Exercise directions -
Only a number is expected here: the count of lines in this data where "what" occurs.

Saved entries
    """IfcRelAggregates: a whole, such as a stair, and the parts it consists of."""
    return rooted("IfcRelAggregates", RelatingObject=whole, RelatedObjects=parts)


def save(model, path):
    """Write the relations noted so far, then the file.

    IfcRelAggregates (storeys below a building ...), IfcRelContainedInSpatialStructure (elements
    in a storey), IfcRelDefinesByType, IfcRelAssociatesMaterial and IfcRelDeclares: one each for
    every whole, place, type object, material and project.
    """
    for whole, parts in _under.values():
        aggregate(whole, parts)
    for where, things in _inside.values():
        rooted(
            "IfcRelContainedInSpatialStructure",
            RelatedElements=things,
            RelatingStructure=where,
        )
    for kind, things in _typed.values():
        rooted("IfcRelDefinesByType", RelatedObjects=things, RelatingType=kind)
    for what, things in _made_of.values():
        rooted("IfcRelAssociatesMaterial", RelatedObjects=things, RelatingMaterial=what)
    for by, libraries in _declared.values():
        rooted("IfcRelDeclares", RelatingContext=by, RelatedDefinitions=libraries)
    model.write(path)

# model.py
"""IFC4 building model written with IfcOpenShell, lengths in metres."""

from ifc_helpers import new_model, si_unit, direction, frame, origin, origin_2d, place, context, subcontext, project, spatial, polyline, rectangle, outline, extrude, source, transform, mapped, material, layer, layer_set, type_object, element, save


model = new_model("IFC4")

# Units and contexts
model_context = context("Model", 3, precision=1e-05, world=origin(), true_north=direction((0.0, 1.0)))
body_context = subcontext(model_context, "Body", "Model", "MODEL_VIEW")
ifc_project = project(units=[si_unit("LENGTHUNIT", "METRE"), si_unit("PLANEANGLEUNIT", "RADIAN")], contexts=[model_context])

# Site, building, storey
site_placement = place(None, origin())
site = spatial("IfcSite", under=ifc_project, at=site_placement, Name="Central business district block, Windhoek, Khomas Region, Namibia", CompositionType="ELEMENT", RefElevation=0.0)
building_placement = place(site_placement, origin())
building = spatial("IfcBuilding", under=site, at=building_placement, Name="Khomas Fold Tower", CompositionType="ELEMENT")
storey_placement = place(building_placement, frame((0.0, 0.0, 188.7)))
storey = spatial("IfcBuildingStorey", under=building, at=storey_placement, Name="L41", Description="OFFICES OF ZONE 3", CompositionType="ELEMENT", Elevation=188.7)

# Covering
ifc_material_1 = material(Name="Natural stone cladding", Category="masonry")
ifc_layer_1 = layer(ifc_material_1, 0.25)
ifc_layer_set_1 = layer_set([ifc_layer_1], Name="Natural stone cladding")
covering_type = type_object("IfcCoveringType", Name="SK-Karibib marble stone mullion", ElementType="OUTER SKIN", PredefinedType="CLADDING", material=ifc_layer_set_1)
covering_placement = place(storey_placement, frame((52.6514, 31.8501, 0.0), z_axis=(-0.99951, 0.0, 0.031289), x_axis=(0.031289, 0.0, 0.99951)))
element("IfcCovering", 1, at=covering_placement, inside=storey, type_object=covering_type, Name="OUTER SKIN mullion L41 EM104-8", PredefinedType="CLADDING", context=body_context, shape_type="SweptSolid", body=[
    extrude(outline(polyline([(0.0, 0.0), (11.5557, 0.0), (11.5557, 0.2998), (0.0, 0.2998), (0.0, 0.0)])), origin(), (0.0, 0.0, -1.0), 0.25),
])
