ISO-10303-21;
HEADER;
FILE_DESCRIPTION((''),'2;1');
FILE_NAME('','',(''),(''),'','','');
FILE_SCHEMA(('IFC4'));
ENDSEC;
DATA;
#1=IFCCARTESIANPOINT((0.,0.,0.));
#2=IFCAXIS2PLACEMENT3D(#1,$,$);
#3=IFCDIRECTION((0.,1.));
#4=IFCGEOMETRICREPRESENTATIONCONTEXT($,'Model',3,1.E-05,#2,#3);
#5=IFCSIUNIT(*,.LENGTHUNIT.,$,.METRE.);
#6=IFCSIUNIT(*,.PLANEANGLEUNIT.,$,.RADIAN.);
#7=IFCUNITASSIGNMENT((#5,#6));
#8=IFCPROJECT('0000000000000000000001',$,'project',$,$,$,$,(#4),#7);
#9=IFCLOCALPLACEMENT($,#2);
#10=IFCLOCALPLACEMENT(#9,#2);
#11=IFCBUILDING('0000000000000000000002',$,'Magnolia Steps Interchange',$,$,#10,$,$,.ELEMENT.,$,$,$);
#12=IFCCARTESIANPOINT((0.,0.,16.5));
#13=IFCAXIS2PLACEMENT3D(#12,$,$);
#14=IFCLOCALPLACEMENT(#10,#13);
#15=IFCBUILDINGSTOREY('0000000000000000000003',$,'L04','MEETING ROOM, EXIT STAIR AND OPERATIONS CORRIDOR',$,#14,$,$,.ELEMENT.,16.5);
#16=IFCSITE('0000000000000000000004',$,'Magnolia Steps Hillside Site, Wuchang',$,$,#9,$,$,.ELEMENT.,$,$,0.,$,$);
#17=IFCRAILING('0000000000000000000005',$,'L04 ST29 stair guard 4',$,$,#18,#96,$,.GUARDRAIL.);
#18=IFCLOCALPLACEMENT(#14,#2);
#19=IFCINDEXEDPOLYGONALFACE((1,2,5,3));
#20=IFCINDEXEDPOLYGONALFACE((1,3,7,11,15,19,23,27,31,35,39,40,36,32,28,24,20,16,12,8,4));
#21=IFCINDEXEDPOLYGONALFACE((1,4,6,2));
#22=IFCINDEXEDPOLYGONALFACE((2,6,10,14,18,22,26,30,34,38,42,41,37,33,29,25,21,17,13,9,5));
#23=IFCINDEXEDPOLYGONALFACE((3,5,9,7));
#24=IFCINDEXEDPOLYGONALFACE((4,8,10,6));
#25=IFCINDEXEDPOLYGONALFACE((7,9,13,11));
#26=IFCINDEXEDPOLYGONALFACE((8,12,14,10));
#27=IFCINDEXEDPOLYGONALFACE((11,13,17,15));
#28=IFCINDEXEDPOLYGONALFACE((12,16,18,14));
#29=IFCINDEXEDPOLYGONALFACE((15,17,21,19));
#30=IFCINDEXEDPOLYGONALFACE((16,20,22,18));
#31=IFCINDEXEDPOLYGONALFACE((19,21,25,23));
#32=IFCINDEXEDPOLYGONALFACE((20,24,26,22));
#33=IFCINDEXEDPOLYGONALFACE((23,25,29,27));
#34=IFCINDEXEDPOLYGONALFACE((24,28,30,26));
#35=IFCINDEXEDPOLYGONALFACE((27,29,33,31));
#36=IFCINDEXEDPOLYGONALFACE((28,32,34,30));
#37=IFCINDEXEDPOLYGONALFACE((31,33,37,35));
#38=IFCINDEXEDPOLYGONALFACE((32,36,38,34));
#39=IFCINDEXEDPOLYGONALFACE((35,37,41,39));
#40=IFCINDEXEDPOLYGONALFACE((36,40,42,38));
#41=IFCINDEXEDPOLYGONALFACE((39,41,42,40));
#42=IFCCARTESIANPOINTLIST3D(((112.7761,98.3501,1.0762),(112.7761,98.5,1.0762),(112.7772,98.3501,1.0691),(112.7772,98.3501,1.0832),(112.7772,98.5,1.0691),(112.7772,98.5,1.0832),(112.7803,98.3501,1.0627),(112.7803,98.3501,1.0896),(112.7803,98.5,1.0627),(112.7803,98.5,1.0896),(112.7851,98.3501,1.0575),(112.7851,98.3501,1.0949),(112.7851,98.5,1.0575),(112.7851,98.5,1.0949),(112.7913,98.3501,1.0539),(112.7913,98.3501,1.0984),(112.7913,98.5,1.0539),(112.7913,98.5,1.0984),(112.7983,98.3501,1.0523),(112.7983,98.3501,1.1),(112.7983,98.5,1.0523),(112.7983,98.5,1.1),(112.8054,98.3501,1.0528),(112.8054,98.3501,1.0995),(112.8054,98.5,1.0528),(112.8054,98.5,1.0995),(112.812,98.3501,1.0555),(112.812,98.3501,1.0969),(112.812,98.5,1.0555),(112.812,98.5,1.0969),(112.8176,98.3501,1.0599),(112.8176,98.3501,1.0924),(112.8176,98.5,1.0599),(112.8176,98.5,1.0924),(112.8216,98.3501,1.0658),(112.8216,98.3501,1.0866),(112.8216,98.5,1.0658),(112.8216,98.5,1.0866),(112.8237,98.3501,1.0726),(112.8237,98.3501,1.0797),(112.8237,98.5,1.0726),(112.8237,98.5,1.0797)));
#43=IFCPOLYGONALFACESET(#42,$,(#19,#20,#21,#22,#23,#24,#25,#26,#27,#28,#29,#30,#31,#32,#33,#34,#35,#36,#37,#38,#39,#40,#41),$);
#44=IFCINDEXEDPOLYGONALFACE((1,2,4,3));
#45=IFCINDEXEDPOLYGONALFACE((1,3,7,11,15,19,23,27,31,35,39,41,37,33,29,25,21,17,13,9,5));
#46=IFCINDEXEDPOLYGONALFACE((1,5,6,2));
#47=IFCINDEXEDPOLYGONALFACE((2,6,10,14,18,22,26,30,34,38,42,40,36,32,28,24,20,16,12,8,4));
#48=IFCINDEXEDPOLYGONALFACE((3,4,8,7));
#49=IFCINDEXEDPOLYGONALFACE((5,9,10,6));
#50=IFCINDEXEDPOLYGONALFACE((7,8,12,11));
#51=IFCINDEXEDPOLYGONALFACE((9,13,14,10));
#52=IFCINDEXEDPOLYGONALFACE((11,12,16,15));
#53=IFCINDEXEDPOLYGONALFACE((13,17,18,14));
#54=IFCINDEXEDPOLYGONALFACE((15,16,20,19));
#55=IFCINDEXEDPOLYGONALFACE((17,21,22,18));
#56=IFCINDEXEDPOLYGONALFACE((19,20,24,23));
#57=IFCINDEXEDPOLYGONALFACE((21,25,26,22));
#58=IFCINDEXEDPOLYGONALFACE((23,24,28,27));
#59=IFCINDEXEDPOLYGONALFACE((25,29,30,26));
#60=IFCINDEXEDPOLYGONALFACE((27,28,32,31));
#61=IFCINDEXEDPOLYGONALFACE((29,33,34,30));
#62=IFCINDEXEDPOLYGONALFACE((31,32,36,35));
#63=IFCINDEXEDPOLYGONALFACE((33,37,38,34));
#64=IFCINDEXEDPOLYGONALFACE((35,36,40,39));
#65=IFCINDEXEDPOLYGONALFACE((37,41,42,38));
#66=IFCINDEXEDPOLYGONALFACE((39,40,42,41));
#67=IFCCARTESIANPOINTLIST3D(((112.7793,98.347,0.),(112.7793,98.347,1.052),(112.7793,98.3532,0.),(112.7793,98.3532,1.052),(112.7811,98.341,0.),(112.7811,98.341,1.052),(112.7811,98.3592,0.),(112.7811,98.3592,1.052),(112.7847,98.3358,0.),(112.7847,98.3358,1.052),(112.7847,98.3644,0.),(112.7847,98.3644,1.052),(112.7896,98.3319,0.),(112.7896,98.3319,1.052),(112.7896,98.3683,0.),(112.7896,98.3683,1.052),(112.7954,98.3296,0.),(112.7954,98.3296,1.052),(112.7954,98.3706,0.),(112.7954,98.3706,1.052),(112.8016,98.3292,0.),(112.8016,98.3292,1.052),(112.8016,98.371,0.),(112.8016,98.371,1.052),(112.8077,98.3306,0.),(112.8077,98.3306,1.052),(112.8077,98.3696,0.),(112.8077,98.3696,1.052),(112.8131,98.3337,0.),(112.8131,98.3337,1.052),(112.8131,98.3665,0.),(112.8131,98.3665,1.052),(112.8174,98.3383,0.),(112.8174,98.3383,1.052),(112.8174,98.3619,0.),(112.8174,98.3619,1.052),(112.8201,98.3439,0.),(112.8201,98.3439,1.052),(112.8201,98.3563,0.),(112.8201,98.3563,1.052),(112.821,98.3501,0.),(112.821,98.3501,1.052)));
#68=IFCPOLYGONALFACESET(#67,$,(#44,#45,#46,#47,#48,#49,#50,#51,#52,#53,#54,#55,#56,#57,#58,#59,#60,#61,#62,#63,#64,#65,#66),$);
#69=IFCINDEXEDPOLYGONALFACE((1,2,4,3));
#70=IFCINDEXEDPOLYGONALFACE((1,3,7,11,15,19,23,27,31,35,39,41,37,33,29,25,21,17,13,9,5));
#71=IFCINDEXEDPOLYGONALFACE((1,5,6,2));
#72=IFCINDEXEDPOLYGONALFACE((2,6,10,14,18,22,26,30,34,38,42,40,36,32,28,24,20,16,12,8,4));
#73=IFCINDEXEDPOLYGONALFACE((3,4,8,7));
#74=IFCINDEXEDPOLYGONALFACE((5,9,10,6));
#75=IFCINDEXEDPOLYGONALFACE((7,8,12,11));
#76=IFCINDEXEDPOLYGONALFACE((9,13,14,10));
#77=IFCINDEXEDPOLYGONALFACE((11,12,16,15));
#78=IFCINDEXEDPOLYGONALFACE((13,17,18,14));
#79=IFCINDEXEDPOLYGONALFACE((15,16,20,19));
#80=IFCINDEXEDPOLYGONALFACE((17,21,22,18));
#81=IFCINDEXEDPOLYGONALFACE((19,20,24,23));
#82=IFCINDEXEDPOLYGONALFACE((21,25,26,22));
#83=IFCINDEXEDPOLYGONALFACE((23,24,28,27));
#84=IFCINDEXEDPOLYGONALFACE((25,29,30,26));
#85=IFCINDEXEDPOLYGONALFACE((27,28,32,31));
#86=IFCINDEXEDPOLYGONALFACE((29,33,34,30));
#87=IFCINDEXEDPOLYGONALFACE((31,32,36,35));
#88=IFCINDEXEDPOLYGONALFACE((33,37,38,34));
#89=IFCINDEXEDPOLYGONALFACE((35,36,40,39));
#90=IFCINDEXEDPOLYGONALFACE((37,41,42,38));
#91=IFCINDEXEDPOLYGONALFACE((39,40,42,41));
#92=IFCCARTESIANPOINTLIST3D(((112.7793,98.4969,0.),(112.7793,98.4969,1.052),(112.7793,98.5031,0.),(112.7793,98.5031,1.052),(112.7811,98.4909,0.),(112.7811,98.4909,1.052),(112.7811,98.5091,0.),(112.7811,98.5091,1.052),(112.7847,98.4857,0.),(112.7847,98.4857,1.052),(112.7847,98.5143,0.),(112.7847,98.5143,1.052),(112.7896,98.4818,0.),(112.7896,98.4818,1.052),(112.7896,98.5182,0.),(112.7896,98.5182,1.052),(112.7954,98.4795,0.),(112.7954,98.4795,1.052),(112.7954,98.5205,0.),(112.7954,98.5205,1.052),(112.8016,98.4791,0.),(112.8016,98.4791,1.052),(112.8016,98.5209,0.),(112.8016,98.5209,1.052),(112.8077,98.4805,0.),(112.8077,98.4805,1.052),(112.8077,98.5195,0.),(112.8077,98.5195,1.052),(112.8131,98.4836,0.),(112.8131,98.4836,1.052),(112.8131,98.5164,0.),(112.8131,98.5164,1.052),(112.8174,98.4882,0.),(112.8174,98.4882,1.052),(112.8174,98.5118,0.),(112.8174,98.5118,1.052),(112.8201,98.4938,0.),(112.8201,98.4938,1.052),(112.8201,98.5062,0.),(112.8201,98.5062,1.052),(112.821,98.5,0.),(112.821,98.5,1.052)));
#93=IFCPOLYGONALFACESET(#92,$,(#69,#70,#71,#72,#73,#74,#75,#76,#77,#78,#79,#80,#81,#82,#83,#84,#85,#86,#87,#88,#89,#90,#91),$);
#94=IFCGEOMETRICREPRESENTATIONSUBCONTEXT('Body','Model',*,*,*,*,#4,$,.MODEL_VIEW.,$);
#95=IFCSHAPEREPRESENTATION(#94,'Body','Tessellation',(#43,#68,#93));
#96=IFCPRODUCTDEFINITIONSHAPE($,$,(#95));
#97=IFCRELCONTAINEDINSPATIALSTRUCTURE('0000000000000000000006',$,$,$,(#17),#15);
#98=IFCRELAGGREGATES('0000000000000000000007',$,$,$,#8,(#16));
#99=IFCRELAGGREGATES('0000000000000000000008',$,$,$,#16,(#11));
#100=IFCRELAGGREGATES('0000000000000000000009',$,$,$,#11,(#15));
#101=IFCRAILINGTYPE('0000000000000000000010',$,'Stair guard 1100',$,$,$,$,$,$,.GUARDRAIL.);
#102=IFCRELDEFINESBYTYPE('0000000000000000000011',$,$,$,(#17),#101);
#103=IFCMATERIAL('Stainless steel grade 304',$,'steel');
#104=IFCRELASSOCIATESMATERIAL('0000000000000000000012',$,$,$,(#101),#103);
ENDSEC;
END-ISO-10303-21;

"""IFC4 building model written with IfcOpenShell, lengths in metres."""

from ifc_helpers import new_model, si_unit, direction, frame, origin, origin_2d, place, context, subcontext, project, spatial, circle, extrude, material, type_object, element, save


model = new_model("IFC4")

# Units and contexts
model_context = context("Model", 3, precision=1e-05, world=origin(), true_north=direction((0.0, 1.0)))
body_context = subcontext(model_context, "Body", "Model", "MODEL_VIEW")
ifc_project = project(units=[si_unit("LENGTHUNIT", "METRE"), si_unit("PLANEANGLEUNIT", "RADIAN")], contexts=[model_context])

# Site, building, storey
site_placement = place(None, origin())
site = spatial("IfcSite", under=ifc_project, at=site_placement, Name="Magnolia Steps Hillside Site, Wuchang", CompositionType="ELEMENT", RefElevation=0.0)
building_placement = place(site_placement, origin())
building = spatial("IfcBuilding", under=site, at=building_placement, Name="Magnolia Steps Interchange", CompositionType="ELEMENT")
storey_placement = place(building_placement, frame((0.0, 0.0, 16.5)))
storey = spatial("IfcBuildingStorey", under=building, at=storey_placement, Name="L04", Description="MEETING ROOM, EXIT STAIR AND OPERATIONS CORRIDOR", CompositionType="ELEMENT", Elevation=16.5)

# Railing
ifc_material_1 = material(Name="Stainless steel grade 304", Category="steel")
railing_type_1 = type_object("IfcRailingType", Name="Stair guard 1100", PredefinedType="GUARDRAIL", material=ifc_material_1)
railing_1_placement = place(storey_placement, frame((112.8, 98.3501, 0.0)))
element("IfcRailing", 1, at=railing_1_placement, inside=storey, type_object=railing_type_1, Name="L04 ST29 stair guard 4", PredefinedType="GUARDRAIL", context=body_context, shape_type="SweptSolid", body=[
    extrude(circle(Radius=0.0239, at=origin_2d()), frame((0.0, 0.0, 1.0762), z_axis=(0.0, 1.0, 0.0), x_axis=(-1.0, 0.0, 0.0)), (0.0, 0.0, 1.0), 0.1499),
    extrude(circle(Radius=0.021, at=origin_2d()), origin(), (0.0, 0.0, 1.0), 1.052),
    extrude(circle(Radius=0.021, at=origin_2d()), frame((0.0, 0.1499, 0.0)), (0.0, 0.0, 1.0), 1.052),
])

save(model, "model.ifc")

Solution for this problem -
2